THE PROBLEM
Could you return only the lines that run from the line with "#75=IFCPOLYGONALFACESET(#74,$,(#68,#69,#70,#71,#72,#73),$);" through the final line of the data, exactly as they stand?

EXERCISE INPUTS
-------------------------

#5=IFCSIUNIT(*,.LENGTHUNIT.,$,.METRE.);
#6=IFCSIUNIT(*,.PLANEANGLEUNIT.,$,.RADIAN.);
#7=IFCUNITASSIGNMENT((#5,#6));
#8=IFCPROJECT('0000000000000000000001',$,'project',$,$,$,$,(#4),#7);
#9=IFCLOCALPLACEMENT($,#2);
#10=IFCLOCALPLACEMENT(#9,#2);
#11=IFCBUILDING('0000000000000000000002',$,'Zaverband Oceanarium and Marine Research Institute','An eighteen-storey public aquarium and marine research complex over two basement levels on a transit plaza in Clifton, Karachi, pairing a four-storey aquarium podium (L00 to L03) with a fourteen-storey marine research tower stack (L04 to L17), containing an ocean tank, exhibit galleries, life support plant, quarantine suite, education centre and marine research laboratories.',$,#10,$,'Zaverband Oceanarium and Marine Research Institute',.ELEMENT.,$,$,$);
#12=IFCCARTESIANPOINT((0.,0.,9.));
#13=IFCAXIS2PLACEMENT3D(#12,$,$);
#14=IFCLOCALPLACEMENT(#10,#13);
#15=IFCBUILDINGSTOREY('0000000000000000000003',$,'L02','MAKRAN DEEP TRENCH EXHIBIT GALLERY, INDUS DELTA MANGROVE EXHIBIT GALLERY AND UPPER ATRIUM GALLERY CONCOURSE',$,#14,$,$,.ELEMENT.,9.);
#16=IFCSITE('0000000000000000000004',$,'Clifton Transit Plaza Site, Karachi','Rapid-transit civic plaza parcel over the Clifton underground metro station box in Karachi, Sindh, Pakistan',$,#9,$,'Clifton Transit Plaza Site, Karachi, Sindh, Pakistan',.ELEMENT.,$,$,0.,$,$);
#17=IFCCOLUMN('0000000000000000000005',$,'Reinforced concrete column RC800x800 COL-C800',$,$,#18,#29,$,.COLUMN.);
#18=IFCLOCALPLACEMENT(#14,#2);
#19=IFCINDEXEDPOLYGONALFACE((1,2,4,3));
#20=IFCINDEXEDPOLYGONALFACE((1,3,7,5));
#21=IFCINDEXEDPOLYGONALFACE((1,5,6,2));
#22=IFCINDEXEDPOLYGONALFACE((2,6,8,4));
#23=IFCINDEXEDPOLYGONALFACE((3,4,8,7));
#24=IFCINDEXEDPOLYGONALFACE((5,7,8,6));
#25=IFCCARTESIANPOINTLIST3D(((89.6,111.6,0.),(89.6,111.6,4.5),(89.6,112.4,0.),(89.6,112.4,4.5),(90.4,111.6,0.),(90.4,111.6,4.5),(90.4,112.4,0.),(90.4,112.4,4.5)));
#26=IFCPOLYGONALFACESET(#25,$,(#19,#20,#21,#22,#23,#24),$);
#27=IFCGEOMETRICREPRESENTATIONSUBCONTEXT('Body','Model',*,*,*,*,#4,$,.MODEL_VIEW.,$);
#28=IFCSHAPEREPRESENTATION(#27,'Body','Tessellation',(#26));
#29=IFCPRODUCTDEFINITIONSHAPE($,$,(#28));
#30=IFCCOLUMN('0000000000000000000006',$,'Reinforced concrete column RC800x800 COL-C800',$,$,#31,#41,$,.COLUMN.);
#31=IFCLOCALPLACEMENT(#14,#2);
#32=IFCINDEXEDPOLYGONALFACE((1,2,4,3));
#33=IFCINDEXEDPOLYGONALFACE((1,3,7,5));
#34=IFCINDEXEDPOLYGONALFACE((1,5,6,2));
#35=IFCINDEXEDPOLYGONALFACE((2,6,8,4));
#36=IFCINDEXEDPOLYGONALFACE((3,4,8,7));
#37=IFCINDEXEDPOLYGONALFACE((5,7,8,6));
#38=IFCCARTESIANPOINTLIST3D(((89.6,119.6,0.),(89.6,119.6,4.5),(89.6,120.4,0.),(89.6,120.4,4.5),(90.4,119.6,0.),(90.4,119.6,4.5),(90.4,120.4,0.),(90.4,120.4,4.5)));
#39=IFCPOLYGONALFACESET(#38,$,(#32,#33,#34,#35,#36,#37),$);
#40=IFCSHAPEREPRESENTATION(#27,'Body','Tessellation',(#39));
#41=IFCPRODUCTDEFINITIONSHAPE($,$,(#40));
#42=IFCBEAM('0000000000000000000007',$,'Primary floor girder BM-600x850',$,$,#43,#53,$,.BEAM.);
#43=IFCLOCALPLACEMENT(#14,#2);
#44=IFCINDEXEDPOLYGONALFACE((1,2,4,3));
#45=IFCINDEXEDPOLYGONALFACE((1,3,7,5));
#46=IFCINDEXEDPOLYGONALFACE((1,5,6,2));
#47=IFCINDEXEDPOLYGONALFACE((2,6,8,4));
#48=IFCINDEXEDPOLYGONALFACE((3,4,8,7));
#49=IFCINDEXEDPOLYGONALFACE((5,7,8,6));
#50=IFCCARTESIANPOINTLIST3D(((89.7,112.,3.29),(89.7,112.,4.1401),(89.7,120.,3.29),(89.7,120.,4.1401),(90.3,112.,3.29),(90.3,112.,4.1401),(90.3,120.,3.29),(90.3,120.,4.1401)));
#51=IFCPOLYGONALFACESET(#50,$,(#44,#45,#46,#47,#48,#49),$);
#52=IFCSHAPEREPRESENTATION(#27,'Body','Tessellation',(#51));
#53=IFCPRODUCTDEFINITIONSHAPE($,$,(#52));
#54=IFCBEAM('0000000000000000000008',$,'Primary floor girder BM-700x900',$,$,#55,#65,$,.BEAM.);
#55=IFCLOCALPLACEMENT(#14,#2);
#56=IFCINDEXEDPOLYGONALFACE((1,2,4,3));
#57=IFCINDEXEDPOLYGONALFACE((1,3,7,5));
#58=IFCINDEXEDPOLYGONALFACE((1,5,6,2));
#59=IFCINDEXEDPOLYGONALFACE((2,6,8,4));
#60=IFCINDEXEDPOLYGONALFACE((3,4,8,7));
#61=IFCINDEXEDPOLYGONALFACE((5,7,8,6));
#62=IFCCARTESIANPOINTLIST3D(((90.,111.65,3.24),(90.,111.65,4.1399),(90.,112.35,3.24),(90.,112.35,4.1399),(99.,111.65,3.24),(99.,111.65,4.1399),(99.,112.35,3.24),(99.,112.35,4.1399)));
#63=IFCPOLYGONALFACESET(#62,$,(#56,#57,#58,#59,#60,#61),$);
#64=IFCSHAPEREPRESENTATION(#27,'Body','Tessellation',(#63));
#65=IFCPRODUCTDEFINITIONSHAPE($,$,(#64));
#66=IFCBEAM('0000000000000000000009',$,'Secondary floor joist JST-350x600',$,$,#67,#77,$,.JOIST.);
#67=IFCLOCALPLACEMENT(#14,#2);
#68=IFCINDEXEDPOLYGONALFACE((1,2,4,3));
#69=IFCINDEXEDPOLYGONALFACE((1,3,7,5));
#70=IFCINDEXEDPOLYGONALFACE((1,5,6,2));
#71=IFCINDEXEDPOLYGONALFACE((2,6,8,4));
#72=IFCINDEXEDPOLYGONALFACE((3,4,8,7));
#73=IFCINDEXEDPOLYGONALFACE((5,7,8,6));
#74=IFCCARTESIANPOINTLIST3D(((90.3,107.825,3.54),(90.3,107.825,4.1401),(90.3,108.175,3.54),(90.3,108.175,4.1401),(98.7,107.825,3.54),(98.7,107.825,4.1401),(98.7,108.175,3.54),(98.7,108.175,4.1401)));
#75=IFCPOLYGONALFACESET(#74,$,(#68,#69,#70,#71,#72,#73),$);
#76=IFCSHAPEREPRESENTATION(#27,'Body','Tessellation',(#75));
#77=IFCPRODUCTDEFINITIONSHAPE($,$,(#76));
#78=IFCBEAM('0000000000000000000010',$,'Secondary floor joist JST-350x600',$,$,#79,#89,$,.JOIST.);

-------------------------

SOLUTION
#75=IFCPOLYGONALFACESET(#74,$,(#68,#69,#70,#71,#72,#73),$);
#76=IFCSHAPEREPRESENTATION(#27,'Body','Tessellation',(#75));
#77=IFCPRODUCTDEFINITIONSHAPE($,$,(#76));
#78=IFCBEAM('0000000000000000000010',$,'Secondary floor joist JST-350x600',$,$,#79,#89,$,.JOIST.);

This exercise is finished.